### Task to complete
Retype the material so that each line matches the original exactly.

+ + + + + + +

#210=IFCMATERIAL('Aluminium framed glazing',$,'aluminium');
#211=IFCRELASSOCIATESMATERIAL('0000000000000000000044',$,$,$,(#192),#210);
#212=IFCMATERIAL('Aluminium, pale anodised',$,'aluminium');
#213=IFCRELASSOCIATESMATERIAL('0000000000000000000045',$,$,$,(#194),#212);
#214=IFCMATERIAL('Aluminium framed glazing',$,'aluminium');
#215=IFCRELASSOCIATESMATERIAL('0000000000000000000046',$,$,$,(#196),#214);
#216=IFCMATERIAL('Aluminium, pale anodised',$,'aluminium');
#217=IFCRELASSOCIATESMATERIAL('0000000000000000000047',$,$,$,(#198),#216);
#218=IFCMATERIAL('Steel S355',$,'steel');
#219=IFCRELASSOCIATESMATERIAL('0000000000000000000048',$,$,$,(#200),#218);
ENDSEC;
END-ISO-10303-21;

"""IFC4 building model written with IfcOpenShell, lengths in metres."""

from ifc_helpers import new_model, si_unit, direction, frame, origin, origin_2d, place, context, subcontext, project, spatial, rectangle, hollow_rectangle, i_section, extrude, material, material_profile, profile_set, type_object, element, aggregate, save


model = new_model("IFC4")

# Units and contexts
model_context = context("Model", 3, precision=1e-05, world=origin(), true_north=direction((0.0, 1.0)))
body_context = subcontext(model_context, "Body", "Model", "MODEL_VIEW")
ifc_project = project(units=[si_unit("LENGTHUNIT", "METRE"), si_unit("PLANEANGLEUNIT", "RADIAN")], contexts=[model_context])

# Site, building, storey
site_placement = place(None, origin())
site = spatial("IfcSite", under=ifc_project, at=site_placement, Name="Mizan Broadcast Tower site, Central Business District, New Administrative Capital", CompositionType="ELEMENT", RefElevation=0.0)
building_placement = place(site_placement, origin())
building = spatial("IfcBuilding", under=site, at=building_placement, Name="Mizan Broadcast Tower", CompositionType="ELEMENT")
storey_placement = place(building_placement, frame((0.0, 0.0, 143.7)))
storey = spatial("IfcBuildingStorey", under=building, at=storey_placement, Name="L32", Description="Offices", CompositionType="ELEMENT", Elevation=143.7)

+ + + + + + +

### Result for this task
#210=IFCMATERIAL('Aluminium framed glazing',$,'aluminium');
#211=IFCRELASSOCIATESMATERIAL('0000000000000000000044',$,$,$,(#192),#210);
#212=IFCMATERIAL('Aluminium, pale anodised',$,'aluminium');
#213=IFCRELASSOCIATESMATERIAL('0000000000000000000045',$,$,$,(#194),#212);
#214=IFCMATERIAL('Aluminium framed glazing',$,'aluminium');
#215=IFCRELASSOCIATESMATERIAL('0000000000000000000046',$,$,$,(#196),#214);
#216=IFCMATERIAL('Aluminium, pale anodised',$,'aluminium');
#217=IFCRELASSOCIATESMATERIAL('0000000000000000000047',$,$,$,(#198),#216);
#218=IFCMATERIAL('Steel S355',$,'steel');
#219=IFCRELASSOCIATESMATERIAL('0000000000000000000048',$,$,$,(#200),#218);
ENDSEC;
END-ISO-10303-21;

"""IFC4 building model written with IfcOpenShell, lengths in metres."""

from ifc_helpers import new_model, si_unit, direction, frame, origin, origin_2d, place, context, subcontext, project, spatial, rectangle, hollow_rectangle, i_section, extrude, material, material_profile, profile_set, type_object, element, aggregate, save


model = new_model("IFC4")

# Units and contexts
model_context = context("Model", 3, precision=1e-05, world=origin(), true_north=direction((0.0, 1.0)))
body_context = subcontext(model_context, "Body", "Model", "MODEL_VIEW")
ifc_project = project(units=[si_unit("LENGTHUNIT", "METRE"), si_unit("PLANEANGLEUNIT", "RADIAN")], contexts=[model_context])

# Site, building, storey
site_placement = place(None, origin())
site = spatial("IfcSite", under=ifc_project, at=site_placement, Name="Mizan Broadcast Tower site, Central Business District, New Administrative Capital", CompositionType="ELEMENT", RefElevation=0.0)
building_placement = place(site_placement, origin())
building = spatial("IfcBuilding", under=site, at=building_placement, Name="Mizan Broadcast Tower", CompositionType="ELEMENT")
storey_placement = place(building_placement, frame((0.0, 0.0, 143.7)))
storey = spatial("IfcBuildingStorey", under=building, at=storey_placement, Name="L32", Description="Offices", CompositionType="ELEMENT", Elevation=143.7)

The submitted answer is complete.